*EXERCISE DESCRIPTION*. Take the lines below from the first through the one that contains "#26=IFCINDEXEDPOLYGONALFACE((6,8,29,27));" and copy them exactly.

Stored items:
□ □ □ □

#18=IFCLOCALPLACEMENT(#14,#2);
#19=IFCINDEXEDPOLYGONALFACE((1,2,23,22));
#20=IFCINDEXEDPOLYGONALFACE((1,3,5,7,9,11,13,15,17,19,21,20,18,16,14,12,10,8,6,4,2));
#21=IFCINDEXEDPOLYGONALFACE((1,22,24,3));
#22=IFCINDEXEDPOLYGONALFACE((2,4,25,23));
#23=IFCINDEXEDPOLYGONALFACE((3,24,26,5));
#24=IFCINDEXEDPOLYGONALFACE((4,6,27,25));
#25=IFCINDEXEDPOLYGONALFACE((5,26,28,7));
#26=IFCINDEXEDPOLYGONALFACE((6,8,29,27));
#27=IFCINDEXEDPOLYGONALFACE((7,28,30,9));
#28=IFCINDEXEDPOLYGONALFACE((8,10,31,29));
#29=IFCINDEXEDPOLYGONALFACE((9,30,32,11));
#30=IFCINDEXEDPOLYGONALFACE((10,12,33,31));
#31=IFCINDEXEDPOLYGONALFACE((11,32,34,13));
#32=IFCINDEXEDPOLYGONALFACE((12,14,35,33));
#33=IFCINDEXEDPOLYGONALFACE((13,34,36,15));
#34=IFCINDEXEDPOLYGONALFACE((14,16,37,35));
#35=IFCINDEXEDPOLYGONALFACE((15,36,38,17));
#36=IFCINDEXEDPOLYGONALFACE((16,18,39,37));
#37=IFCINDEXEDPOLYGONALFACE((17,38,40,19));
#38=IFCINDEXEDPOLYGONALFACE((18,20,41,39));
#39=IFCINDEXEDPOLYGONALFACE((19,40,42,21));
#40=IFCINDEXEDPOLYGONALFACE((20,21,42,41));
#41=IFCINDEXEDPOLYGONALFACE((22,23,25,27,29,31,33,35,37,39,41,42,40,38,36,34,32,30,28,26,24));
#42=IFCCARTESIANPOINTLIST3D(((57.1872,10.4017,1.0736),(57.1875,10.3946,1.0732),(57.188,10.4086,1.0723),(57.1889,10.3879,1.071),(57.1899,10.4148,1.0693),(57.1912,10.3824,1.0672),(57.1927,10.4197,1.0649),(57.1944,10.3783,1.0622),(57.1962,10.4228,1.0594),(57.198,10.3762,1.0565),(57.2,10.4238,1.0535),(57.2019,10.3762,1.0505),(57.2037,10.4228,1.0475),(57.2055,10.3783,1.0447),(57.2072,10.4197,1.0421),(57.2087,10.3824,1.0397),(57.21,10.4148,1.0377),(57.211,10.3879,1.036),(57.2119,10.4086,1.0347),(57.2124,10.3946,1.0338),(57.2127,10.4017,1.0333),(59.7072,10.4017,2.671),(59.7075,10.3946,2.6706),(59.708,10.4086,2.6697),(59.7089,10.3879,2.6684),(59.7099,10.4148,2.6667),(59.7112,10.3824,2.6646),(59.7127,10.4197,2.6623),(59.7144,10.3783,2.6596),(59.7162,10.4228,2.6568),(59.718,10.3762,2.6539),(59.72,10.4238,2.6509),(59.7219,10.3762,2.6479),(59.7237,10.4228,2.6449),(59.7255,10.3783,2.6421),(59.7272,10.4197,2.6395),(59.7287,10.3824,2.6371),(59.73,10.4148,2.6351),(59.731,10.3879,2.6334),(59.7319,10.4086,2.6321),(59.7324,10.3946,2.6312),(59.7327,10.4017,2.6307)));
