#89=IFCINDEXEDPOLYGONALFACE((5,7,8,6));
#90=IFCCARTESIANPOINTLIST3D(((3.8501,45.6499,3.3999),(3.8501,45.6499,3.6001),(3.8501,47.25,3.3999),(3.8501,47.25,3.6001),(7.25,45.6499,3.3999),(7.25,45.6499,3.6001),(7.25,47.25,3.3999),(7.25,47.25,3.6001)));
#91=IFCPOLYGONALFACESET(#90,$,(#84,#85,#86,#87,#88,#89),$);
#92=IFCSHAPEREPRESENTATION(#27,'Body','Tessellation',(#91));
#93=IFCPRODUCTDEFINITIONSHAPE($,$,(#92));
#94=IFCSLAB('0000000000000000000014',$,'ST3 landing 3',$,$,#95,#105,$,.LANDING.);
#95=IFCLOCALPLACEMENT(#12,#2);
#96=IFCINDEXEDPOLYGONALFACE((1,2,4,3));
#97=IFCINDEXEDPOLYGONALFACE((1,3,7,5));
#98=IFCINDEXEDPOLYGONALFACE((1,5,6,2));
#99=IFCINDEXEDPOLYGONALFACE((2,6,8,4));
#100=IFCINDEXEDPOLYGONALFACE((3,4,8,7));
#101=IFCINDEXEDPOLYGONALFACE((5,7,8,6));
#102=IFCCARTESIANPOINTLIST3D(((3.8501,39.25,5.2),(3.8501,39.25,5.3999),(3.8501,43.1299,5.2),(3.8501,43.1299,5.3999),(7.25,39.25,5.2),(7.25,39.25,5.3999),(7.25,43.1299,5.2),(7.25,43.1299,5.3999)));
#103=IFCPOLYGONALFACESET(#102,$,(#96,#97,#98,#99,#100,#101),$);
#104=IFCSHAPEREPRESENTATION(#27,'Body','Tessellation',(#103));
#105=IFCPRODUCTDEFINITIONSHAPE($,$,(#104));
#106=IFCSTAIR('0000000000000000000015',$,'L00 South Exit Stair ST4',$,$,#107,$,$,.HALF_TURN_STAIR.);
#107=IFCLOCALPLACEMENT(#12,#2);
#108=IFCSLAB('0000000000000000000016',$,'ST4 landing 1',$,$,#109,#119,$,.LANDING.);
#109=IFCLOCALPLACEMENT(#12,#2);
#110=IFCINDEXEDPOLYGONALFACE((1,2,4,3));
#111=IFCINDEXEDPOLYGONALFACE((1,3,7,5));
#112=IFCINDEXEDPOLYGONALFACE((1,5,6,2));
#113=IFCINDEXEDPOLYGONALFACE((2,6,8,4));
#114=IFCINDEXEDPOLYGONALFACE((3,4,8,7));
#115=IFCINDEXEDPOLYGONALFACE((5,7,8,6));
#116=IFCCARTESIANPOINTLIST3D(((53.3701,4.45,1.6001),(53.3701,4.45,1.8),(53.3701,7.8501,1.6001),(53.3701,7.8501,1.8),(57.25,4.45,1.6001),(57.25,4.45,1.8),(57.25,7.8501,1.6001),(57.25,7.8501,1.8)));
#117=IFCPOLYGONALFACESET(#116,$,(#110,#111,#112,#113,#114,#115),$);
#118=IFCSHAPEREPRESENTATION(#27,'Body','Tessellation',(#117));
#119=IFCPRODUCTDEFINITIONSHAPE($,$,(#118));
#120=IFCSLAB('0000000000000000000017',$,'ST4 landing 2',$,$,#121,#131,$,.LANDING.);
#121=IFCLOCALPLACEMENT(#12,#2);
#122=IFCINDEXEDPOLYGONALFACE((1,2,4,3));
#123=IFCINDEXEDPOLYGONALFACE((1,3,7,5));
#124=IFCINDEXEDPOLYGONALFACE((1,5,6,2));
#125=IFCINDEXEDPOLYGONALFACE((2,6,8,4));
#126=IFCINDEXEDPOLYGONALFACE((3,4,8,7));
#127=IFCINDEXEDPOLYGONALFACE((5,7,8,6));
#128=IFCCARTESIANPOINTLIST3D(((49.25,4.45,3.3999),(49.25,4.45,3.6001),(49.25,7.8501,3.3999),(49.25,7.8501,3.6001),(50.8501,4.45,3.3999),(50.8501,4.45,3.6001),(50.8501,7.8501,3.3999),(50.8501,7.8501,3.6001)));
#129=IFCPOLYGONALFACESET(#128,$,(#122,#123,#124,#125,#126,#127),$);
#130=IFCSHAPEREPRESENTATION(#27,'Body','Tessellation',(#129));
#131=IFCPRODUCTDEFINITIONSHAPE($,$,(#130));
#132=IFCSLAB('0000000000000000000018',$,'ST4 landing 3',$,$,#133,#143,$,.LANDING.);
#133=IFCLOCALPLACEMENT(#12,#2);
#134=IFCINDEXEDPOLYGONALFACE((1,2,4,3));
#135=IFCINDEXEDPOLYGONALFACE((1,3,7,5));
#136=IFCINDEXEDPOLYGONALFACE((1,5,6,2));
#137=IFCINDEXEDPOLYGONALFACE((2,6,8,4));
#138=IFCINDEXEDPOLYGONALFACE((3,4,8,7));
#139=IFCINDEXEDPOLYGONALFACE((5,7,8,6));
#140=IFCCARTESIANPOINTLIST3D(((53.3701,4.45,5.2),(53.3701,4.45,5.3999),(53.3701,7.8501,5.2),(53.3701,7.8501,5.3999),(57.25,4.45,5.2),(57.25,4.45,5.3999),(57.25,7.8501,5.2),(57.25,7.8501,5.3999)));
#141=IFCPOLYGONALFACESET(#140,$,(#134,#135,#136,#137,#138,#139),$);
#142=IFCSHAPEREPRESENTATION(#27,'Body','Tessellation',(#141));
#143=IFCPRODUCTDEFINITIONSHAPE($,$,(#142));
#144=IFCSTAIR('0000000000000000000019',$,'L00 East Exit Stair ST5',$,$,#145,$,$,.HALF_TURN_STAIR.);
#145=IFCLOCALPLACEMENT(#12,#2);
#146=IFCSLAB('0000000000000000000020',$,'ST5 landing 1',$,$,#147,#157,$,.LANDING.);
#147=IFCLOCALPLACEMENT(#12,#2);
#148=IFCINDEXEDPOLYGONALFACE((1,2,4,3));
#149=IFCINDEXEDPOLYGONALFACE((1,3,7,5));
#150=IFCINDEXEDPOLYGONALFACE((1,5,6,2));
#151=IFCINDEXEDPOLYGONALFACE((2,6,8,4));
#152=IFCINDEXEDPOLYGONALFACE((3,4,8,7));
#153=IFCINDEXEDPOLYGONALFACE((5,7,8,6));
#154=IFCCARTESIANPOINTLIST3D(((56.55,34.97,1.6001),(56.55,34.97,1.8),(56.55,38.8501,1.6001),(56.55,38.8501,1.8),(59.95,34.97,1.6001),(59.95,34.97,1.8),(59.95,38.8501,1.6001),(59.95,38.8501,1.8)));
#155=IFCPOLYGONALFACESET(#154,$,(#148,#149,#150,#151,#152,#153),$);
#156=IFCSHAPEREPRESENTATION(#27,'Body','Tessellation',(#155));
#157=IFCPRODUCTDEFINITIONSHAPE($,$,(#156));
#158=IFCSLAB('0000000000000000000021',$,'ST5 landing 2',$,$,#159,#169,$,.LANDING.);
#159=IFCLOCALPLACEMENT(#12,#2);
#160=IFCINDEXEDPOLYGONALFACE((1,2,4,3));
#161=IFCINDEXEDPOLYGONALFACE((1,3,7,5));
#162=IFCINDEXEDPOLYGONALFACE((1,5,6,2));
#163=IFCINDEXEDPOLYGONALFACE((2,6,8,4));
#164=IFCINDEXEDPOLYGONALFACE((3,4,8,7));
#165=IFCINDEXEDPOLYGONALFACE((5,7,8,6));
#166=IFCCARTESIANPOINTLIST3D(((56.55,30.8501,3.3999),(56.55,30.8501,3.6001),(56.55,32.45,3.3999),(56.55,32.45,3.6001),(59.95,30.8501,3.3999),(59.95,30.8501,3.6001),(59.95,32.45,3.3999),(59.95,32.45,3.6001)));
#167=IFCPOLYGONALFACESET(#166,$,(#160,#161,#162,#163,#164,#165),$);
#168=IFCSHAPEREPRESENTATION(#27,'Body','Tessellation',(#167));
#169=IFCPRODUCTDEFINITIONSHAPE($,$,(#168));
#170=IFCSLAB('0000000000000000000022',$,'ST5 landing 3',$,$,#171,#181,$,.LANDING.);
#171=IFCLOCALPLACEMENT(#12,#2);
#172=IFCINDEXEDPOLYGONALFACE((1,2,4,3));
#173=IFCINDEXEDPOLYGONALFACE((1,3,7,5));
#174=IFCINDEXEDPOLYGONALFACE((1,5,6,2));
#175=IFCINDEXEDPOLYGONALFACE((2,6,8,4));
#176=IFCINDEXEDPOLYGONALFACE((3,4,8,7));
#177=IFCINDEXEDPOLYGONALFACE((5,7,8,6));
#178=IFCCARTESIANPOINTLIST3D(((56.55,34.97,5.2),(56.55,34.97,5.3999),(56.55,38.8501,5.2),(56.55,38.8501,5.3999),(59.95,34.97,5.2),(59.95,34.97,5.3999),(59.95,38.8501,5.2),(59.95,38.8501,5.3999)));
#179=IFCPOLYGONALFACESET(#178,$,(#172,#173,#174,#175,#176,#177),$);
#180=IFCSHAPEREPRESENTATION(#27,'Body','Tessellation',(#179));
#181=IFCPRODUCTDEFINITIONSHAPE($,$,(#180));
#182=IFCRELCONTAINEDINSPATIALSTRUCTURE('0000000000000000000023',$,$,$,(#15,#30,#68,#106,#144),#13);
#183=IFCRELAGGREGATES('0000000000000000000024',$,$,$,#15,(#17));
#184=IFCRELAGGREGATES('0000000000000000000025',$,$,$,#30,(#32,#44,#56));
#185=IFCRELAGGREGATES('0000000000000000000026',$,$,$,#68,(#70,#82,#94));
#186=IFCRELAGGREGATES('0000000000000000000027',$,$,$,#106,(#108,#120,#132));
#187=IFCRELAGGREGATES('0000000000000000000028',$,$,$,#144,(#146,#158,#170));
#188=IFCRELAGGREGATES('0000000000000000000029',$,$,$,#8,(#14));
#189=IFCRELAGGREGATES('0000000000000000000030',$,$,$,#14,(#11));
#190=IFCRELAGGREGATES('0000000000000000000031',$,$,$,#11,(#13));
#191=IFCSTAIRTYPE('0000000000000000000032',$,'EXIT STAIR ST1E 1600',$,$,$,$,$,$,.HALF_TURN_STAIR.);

□ □ □ □

*SOLVED PROBLEM*.
#18=IFCLOCALPLACEMENT(#14,#2);
#19=IFCINDEXEDPOLYGONALFACE((1,2,23,22));
#20=IFCINDEXEDPOLYGONALFACE((1,3,5,7,9,11,13,15,17,19,21,20,18,16,14,12,10,8,6,4,2));
#21=IFCINDEXEDPOLYGONALFACE((1,22,24,3));
#22=IFCINDEXEDPOLYGONALFACE((2,4,25,23));
#23=IFCINDEXEDPOLYGONALFACE((3,24,26,5));
#24=IFCINDEXEDPOLYGONALFACE((4,6,27,25));
#25=IFCINDEXEDPOLYGONALFACE((5,26,28,7));
#26=IFCINDEXEDPOLYGONALFACE((6,8,29,27));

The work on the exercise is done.